▸ WORK ITEM
Which of the lines below include the word "IFCSIUNIT"? Pull each one out.

▸ EXERCISE MATERIAL
=-=-=
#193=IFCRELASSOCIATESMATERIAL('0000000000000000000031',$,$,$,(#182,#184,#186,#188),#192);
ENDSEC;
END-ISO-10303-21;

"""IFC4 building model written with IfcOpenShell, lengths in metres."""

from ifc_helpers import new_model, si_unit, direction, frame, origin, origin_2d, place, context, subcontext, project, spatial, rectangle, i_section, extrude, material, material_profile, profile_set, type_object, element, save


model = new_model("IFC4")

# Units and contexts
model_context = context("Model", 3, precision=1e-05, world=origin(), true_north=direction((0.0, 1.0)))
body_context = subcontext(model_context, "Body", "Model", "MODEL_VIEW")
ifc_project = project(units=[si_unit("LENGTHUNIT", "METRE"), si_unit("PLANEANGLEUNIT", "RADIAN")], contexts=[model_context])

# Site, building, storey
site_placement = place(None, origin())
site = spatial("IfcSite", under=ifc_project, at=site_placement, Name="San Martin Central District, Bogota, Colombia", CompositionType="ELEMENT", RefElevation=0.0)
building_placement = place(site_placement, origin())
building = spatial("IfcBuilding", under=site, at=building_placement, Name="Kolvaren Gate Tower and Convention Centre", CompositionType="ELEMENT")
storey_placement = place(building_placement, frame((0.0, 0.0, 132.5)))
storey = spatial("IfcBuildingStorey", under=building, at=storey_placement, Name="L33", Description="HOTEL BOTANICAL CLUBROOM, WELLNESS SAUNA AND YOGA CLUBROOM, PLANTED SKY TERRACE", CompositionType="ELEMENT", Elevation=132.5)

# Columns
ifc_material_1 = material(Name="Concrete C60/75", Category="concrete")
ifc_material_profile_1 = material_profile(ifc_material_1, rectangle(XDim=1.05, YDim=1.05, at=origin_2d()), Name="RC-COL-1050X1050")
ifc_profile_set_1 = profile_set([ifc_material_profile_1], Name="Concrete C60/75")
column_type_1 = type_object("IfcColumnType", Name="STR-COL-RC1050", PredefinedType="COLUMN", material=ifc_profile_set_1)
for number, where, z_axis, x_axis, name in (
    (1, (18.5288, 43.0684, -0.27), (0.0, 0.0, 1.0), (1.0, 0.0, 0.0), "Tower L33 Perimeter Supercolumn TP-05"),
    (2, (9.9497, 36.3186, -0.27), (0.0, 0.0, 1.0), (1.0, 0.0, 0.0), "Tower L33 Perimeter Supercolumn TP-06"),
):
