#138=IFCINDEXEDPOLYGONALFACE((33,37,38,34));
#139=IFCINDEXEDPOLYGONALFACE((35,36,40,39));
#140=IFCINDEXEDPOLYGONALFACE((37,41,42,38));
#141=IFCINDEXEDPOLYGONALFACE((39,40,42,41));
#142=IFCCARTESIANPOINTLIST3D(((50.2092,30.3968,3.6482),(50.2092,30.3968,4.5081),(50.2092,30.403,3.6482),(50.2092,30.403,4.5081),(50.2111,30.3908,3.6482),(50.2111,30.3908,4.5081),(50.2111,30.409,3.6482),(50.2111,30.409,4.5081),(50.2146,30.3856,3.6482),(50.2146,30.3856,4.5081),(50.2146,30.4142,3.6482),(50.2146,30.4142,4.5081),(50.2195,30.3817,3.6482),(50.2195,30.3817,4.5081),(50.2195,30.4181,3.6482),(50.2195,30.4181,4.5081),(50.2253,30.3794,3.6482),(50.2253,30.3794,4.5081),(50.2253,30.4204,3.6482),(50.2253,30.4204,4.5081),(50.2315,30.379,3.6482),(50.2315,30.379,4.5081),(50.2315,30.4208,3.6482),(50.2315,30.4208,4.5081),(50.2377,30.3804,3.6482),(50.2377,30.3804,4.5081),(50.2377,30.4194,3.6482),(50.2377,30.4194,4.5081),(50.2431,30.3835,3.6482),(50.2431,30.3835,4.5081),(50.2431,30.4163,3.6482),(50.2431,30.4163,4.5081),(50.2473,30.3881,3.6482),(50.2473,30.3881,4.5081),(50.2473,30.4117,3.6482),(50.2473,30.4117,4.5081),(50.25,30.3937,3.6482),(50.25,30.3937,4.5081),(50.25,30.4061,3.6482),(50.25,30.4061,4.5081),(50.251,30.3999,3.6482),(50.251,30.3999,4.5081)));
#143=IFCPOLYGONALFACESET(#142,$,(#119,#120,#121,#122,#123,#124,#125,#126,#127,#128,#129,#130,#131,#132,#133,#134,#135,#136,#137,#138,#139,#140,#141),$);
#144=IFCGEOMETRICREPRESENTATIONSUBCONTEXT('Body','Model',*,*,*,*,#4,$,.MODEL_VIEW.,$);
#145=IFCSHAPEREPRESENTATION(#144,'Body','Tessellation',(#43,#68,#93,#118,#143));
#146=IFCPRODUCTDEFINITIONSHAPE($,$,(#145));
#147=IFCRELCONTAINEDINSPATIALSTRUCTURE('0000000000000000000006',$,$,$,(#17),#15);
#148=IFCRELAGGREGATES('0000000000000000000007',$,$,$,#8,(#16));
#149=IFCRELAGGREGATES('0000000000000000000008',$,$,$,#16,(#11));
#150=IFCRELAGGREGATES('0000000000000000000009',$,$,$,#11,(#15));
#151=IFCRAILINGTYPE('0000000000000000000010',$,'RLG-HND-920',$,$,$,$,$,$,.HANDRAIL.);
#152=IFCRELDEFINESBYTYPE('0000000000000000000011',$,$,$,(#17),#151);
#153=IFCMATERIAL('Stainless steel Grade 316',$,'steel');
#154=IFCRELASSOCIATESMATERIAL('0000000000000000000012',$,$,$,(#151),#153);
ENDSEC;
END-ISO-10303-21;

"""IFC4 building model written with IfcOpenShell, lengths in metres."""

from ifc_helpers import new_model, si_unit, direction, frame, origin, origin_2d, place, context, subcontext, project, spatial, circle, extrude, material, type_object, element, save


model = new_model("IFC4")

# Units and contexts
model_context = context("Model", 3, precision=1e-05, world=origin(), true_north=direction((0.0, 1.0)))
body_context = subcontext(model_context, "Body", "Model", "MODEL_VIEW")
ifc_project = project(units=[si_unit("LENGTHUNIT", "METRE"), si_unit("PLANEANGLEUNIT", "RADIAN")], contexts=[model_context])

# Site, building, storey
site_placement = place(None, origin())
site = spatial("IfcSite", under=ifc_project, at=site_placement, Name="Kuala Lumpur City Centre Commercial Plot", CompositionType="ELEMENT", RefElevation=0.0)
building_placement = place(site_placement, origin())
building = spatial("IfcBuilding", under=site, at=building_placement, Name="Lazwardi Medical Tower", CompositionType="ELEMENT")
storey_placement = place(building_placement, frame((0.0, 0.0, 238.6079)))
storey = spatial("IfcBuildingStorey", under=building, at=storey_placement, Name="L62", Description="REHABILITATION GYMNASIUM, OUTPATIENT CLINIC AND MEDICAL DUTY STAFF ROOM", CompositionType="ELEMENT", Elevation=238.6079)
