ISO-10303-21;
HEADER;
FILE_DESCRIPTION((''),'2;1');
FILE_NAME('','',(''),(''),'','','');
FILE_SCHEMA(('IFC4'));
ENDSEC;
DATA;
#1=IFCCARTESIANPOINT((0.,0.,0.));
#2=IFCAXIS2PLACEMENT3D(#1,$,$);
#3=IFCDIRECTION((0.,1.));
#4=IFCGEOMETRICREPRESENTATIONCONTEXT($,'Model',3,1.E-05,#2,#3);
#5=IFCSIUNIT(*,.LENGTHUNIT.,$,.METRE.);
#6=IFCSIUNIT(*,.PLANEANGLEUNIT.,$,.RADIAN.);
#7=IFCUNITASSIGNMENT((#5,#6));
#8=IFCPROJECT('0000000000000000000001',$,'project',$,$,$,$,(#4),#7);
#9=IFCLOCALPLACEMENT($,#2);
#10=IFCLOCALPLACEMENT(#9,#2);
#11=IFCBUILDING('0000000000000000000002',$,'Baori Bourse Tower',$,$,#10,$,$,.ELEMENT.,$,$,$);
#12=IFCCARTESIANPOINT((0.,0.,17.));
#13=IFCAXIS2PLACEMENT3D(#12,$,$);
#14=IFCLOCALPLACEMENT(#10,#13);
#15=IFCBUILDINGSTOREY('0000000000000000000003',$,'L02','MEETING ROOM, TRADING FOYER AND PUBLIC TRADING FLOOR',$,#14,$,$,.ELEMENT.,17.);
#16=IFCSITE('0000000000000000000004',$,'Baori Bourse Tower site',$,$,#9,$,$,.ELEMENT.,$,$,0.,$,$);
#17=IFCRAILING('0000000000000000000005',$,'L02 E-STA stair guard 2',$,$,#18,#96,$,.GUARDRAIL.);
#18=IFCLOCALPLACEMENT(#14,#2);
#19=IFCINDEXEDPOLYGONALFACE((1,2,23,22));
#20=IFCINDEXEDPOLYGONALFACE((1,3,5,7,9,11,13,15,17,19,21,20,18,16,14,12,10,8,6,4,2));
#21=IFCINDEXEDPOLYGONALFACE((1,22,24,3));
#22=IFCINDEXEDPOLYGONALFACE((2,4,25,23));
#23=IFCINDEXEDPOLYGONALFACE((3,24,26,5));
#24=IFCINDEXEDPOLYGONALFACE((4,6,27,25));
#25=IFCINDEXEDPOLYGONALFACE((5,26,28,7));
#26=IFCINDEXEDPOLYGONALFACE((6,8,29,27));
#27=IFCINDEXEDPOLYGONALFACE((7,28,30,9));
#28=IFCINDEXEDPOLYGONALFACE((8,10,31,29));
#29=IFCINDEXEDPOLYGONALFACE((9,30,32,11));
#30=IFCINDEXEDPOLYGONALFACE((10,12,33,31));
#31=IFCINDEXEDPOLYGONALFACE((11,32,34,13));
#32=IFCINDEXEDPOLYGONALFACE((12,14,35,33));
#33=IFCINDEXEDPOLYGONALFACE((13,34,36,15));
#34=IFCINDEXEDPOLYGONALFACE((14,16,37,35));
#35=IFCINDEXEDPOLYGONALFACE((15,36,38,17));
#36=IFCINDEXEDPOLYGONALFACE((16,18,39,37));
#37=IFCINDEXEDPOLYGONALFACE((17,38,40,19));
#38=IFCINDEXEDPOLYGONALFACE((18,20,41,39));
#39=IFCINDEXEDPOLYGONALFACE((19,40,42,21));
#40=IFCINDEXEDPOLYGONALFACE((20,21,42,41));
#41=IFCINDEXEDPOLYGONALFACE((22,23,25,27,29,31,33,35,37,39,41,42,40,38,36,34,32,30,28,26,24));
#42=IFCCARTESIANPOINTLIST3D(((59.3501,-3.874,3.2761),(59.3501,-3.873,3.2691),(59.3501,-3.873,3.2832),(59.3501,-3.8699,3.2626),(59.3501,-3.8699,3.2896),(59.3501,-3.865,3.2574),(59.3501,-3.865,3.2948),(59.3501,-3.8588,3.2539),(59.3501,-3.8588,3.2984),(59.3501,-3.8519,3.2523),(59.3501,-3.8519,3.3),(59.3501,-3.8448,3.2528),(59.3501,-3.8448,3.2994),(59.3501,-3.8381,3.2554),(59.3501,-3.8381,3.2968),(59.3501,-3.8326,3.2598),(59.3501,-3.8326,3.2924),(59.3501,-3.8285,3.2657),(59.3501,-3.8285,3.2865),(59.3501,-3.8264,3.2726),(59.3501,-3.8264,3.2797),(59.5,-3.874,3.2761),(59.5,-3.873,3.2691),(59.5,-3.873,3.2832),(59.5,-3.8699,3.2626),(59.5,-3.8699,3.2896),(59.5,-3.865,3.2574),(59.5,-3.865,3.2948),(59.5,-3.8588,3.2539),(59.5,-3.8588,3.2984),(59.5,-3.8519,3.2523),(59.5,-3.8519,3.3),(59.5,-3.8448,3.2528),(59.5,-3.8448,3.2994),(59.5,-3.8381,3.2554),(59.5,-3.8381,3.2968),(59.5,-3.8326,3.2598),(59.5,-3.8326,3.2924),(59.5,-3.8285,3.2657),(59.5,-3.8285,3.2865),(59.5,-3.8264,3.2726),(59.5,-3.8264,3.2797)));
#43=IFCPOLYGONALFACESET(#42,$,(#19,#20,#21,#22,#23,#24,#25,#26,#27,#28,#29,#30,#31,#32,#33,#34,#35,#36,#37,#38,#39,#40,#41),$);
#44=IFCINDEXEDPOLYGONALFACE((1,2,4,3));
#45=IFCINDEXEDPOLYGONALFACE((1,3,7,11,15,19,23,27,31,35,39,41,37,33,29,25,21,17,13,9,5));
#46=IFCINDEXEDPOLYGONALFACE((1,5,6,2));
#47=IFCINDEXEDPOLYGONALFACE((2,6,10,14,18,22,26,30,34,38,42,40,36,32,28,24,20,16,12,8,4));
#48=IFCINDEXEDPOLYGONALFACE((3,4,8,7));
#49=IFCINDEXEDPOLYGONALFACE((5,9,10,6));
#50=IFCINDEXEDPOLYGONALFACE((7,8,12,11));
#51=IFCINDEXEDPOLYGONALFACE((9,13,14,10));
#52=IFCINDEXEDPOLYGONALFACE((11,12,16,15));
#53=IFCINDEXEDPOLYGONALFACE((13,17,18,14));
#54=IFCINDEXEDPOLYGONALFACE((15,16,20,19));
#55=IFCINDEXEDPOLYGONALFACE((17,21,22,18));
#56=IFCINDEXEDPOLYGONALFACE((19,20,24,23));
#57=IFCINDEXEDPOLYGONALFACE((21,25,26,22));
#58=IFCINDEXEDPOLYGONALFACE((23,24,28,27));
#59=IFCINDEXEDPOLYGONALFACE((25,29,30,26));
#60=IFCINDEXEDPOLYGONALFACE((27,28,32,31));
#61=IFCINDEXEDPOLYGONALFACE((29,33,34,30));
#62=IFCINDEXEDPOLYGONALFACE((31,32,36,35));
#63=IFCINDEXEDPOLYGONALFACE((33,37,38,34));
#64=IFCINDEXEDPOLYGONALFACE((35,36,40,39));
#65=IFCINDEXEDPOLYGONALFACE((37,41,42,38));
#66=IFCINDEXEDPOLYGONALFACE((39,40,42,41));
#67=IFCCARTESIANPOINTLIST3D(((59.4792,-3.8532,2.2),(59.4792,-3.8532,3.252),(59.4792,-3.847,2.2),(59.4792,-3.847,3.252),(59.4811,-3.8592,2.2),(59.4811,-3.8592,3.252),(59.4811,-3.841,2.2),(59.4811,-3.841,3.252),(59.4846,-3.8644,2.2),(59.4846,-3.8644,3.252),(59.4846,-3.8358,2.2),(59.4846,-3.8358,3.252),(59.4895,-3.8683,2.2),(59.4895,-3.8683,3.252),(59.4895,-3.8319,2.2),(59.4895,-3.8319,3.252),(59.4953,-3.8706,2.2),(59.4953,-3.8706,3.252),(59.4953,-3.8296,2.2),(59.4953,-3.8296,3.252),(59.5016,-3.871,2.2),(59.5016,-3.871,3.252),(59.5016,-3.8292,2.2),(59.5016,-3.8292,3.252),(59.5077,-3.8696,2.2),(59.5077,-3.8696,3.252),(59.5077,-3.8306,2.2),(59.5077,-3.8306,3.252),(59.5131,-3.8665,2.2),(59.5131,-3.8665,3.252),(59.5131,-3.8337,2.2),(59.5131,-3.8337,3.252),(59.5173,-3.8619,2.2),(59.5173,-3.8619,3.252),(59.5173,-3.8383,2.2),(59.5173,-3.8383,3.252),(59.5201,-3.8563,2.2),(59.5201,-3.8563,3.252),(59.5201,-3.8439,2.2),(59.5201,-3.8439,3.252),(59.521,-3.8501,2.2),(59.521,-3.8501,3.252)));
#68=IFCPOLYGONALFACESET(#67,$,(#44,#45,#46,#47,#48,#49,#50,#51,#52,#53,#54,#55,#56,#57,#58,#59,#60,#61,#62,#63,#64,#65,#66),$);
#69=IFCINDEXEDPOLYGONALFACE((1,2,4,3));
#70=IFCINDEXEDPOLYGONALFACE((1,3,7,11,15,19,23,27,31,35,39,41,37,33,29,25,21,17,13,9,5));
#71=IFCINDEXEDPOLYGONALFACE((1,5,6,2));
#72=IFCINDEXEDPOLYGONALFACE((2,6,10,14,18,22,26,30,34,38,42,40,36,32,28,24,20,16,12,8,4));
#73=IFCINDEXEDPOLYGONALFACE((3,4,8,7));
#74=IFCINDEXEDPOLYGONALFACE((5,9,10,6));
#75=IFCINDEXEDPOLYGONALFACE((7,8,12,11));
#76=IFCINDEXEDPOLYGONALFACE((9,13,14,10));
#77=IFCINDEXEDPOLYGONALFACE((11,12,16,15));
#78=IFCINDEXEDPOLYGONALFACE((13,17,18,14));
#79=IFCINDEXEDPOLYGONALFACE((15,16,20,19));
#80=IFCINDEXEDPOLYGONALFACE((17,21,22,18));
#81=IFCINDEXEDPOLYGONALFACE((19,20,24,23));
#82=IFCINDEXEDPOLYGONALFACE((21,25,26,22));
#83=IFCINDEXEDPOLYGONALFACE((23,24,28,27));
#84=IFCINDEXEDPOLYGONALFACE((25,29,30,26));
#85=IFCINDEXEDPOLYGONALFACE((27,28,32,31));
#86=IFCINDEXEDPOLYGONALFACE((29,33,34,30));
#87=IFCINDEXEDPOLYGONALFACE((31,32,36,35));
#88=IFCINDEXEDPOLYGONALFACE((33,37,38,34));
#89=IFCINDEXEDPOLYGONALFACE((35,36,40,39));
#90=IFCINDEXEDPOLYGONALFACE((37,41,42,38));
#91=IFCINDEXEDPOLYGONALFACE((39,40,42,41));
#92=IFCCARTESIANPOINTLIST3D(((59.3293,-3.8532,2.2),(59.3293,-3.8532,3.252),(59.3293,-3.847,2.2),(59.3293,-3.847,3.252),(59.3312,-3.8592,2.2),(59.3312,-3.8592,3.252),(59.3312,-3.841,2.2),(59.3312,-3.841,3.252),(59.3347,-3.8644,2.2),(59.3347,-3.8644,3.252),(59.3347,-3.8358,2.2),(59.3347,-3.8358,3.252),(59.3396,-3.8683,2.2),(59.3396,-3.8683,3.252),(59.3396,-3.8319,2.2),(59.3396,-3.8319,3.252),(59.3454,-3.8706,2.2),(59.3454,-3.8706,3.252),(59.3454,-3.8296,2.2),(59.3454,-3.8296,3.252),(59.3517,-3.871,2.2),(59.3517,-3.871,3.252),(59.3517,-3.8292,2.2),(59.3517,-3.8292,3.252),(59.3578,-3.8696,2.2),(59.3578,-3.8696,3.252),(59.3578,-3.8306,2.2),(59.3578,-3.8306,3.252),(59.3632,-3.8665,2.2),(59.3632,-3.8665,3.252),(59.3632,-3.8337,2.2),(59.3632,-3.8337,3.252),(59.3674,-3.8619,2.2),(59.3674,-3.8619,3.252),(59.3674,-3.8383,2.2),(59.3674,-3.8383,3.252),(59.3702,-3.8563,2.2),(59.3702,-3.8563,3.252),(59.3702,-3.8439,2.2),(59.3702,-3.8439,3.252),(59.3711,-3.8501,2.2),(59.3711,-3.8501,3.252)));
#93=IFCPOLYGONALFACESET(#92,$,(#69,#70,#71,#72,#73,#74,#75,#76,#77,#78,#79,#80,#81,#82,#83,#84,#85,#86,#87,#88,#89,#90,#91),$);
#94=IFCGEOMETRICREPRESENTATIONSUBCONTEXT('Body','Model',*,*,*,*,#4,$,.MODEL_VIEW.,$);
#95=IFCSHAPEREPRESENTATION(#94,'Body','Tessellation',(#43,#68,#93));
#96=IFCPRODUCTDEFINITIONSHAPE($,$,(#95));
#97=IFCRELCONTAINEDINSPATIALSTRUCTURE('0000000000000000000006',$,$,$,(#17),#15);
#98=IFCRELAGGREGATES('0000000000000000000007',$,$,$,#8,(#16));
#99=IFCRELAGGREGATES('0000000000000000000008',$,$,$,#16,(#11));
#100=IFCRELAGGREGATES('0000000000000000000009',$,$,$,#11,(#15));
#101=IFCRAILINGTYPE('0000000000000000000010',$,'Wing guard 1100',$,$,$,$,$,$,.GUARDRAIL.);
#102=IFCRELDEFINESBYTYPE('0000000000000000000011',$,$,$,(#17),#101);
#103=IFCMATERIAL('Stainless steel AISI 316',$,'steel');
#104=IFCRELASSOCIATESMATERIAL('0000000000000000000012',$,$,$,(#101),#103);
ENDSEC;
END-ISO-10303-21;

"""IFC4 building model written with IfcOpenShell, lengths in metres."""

from ifc_helpers import new_model, si_unit, direction, frame, origin, origin_2d, place, context, subcontext, project, spatial, circle, extrude, material, type_object, element, save


model = new_model("IFC4")

# Units and contexts
model_context = context("Model", 3, precision=1e-05, world=origin(), true_north=direction((0.0, 1.0)))
body_context = subcontext(model_context, "Body", "Model", "MODEL_VIEW")
ifc_project = project(units=[si_unit("LENGTHUNIT", "METRE"), si_unit("PLANEANGLEUNIT", "RADIAN")], contexts=[model_context])

# Site, building, storey
site_placement = place(None, origin())
site = spatial("IfcSite", under=ifc_project, at=site_placement, Name="Baori Bourse Tower site", CompositionType="ELEMENT", RefElevation=0.0)
building_placement = place(site_placement, origin())
building = spatial("IfcBuilding", under=site, at=building_placement, Name="Baori Bourse Tower", CompositionType="ELEMENT")
storey_placement = place(building_placement, frame((0.0, 0.0, 17.0)))
storey = spatial("IfcBuildingStorey", under=building, at=storey_placement, Name="L02", Description="MEETING ROOM, TRADING FOYER AND PUBLIC TRADING FLOOR", CompositionType="ELEMENT", Elevation=17.0)

# Railing
ifc_material_1 = material(Name="Stainless steel AISI 316", Category="steel")
railing_type_1 = type_object("IfcRailingType", Name="Wing guard 1100", PredefinedType="GUARDRAIL", material=ifc_material_1)
railing_1_placement = place(storey_placement, frame((59.5, -3.8501, 2.2)))
element("IfcRailing", 1, at=railing_1_placement, inside=storey, type_object=railing_type_1, Name="L02 E-STA stair guard 2", PredefinedType="GUARDRAIL", context=body_context, shape_type="SweptSolid", body=[
    extrude(circle(Radius=0.0239, at=origin_2d()), frame((0.0, 0.0, 1.0762), z_axis=(-1.0, 0.0, 0.0), x_axis=(0.0, -1.0, 0.0)), (0.0, 0.0, 1.0), 0.1499),
    extrude(circle(Radius=0.021, at=origin_2d()), origin(), (0.0, 0.0, 1.0), 1.052),
    extrude(circle(Radius=0.021, at=origin_2d()), frame((-0.1499, 0.0, 0.0)), (0.0, 0.0, 1.0), 1.052),
])

save(model, "model.ifc")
=-=-=
▸ YOUR SOLUTION
#5=IFCSIUNIT(*,.LENGTHUNIT.,$,.METRE.);
#6=IFCSIUNIT(*,.PLANEANGLEUNIT.,$,.RADIAN.);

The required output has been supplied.